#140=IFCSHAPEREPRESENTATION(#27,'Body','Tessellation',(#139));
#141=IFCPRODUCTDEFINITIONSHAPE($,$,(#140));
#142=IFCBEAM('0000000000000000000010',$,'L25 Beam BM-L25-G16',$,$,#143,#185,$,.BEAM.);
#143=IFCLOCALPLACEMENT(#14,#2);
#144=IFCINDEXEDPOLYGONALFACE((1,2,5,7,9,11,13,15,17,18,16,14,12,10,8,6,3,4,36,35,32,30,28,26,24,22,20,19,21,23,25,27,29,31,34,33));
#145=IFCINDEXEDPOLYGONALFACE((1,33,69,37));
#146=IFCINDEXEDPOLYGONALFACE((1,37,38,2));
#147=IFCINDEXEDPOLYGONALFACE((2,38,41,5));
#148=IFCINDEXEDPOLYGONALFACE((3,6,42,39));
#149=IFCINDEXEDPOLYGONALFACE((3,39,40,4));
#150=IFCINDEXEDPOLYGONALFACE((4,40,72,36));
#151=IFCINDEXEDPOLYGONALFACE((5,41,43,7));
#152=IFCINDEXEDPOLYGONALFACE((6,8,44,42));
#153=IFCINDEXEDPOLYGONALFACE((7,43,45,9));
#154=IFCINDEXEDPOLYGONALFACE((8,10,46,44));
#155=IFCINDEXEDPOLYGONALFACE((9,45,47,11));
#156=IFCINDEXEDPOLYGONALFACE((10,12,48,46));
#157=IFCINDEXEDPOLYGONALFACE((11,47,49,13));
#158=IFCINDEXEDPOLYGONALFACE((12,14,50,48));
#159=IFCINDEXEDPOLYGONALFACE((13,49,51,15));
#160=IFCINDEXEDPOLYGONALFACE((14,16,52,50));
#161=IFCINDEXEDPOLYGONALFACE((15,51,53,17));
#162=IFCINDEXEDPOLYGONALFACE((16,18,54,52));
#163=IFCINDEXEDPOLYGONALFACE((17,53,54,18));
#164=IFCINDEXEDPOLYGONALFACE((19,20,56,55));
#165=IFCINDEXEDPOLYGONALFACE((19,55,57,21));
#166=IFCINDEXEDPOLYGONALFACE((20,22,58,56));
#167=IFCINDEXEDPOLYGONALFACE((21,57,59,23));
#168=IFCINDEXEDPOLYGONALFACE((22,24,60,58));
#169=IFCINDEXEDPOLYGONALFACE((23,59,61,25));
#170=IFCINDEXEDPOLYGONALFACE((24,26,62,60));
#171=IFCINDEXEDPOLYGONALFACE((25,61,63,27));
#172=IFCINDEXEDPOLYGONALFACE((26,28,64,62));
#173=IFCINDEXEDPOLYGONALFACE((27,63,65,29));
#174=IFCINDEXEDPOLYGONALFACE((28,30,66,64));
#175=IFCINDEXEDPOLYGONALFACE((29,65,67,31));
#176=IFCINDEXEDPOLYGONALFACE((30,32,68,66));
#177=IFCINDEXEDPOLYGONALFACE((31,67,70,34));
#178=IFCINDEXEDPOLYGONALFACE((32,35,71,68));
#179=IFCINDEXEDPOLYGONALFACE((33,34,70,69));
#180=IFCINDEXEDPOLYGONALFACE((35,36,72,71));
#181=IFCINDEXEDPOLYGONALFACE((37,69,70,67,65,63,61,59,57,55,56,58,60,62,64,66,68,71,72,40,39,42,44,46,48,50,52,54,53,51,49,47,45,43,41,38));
##############################
The span to print begins at the line containing "#177=IFCINDEXEDPOLYGONALFACE((31,67,70,34));" and ends at the final line of the entries; print it exactly and print nothing else.

(Exercise response)
#177=IFCINDEXEDPOLYGONALFACE((31,67,70,34));
#178=IFCINDEXEDPOLYGONALFACE((32,35,71,68));
#179=IFCINDEXEDPOLYGONALFACE((33,34,70,69));
#180=IFCINDEXEDPOLYGONALFACE((35,36,72,71));
#181=IFCINDEXEDPOLYGONALFACE((37,69,70,67,65,63,61,59,57,55,56,58,60,62,64,66,68,71,72,40,39,42,44,46,48,50,52,54,53,51,49,47,45,43,41,38));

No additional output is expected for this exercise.